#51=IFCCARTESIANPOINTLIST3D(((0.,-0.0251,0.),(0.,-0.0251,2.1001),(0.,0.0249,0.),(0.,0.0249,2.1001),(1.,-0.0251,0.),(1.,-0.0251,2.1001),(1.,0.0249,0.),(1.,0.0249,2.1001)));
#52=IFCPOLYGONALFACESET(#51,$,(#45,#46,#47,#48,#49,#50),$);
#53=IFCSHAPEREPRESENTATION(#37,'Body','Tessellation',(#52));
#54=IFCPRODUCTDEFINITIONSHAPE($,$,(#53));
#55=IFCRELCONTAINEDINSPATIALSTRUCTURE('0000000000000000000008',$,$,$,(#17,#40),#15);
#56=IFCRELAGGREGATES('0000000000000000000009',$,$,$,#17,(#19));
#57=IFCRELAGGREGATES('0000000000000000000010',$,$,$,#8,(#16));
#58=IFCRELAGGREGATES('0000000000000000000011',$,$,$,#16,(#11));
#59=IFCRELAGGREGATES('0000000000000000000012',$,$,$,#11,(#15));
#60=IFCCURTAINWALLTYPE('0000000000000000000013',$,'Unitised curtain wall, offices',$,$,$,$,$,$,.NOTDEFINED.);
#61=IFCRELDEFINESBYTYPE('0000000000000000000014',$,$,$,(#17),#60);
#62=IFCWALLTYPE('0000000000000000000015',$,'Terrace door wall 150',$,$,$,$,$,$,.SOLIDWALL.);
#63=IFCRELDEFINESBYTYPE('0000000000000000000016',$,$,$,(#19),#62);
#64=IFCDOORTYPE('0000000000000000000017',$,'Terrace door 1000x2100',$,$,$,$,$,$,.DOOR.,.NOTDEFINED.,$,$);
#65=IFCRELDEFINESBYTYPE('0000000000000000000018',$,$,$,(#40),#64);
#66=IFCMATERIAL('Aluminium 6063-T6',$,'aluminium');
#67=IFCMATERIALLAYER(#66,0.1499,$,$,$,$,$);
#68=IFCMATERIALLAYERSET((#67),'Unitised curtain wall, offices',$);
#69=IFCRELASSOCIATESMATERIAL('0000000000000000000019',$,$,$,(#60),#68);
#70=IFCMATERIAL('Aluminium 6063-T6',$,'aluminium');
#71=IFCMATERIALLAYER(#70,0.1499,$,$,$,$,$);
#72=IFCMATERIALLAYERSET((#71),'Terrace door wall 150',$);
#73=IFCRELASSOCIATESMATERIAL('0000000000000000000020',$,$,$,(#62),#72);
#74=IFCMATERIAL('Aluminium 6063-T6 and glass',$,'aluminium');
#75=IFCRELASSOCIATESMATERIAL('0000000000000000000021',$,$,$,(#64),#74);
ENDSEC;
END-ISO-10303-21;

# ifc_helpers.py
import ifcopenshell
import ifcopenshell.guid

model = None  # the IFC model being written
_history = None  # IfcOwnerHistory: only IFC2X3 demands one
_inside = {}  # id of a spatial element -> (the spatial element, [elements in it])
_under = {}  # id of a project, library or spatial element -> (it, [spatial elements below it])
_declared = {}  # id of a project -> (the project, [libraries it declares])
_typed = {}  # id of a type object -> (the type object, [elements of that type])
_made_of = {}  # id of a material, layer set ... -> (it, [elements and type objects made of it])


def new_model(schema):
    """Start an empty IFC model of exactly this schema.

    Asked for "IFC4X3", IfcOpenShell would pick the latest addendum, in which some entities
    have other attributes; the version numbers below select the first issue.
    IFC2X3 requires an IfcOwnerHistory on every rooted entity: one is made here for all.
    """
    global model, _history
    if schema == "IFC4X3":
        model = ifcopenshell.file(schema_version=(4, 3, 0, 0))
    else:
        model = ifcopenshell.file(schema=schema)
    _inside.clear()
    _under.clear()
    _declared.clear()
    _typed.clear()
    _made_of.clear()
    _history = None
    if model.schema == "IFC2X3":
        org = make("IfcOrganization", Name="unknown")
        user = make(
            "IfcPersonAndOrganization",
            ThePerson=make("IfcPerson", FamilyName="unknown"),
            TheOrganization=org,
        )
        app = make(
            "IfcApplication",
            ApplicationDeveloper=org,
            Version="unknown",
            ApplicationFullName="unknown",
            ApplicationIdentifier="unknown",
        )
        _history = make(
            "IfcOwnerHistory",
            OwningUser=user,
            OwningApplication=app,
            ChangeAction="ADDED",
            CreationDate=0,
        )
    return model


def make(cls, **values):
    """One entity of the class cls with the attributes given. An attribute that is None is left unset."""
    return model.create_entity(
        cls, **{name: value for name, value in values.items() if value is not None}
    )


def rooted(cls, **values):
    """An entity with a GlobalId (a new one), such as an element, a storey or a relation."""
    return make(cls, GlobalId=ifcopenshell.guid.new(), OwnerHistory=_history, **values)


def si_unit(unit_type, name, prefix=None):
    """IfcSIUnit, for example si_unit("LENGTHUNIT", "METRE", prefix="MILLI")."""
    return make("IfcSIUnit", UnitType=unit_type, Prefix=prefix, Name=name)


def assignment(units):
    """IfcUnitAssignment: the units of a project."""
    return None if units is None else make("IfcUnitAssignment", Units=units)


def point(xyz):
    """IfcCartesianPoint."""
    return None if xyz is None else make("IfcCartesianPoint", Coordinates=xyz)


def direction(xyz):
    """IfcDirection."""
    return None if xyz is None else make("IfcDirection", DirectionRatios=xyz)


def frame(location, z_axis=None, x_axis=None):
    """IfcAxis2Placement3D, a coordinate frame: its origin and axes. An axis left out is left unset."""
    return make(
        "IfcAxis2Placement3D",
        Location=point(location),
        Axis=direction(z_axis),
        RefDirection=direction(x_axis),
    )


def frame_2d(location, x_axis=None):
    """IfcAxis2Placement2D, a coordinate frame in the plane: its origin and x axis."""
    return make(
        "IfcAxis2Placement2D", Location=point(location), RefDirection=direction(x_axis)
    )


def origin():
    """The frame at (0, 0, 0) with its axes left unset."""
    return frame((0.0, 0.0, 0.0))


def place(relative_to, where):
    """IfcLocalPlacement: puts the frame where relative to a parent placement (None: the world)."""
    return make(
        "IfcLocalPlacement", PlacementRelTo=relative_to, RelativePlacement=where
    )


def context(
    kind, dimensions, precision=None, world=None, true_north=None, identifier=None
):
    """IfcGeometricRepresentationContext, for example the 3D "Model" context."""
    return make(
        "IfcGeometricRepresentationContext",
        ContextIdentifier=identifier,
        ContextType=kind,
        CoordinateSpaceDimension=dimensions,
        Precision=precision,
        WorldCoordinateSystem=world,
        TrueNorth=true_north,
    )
______
■ **Problem description**: Among the lines of these entries, find those that contain "rooted". Give their number and nothing else.

■ **Reply to the task**: 2